Task objective –
Write each line again exactly as it is, from the opening line of the records below through the one containing "#159=IFCINDEXEDPOLYGONALFACE((5,6,8,7));", and add nothing.

Source data:
******

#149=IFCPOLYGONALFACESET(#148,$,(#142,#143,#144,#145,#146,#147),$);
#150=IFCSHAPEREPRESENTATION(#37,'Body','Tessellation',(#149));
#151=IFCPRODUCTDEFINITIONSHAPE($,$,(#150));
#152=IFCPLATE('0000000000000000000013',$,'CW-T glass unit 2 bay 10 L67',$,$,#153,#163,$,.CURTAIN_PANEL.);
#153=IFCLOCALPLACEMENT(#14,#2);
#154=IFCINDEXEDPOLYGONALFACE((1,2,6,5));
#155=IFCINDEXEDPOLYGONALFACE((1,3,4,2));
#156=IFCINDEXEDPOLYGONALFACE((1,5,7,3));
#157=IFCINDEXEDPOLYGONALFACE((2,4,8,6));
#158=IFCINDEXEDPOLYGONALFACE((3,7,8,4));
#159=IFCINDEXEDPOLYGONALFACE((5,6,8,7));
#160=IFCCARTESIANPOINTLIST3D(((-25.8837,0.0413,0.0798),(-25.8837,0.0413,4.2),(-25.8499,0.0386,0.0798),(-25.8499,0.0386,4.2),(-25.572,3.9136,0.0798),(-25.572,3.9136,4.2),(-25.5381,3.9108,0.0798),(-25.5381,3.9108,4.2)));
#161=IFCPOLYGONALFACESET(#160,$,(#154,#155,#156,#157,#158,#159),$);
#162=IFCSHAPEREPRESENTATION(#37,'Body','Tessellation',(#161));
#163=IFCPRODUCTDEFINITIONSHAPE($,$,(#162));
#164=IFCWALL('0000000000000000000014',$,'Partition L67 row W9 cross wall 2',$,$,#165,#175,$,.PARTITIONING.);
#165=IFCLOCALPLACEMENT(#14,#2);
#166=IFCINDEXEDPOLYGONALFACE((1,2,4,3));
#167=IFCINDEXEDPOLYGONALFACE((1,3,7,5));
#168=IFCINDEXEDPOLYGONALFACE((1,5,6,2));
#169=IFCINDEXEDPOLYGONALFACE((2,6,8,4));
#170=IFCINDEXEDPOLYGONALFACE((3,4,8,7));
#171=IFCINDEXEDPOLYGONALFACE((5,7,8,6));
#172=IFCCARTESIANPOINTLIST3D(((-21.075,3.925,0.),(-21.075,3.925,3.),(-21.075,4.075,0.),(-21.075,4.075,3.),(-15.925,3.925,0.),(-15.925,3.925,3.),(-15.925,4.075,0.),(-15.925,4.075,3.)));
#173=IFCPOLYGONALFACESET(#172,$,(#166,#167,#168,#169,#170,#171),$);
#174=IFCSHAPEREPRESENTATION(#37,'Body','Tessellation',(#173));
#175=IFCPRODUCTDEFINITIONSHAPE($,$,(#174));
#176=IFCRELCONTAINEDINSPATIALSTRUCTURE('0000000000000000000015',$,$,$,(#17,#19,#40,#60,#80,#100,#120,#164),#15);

******

Worked solution –
#149=IFCPOLYGONALFACESET(#148,$,(#142,#143,#144,#145,#146,#147),$);
#150=IFCSHAPEREPRESENTATION(#37,'Body','Tessellation',(#149));
#151=IFCPRODUCTDEFINITIONSHAPE($,$,(#150));
#152=IFCPLATE('0000000000000000000013',$,'CW-T glass unit 2 bay 10 L67',$,$,#153,#163,$,.CURTAIN_PANEL.);
#153=IFCLOCALPLACEMENT(#14,#2);
#154=IFCINDEXEDPOLYGONALFACE((1,2,6,5));
#155=IFCINDEXEDPOLYGONALFACE((1,3,4,2));
#156=IFCINDEXEDPOLYGONALFACE((1,5,7,3));
#157=IFCINDEXEDPOLYGONALFACE((2,4,8,6));
#158=IFCINDEXEDPOLYGONALFACE((3,7,8,4));
#159=IFCINDEXEDPOLYGONALFACE((5,6,8,7));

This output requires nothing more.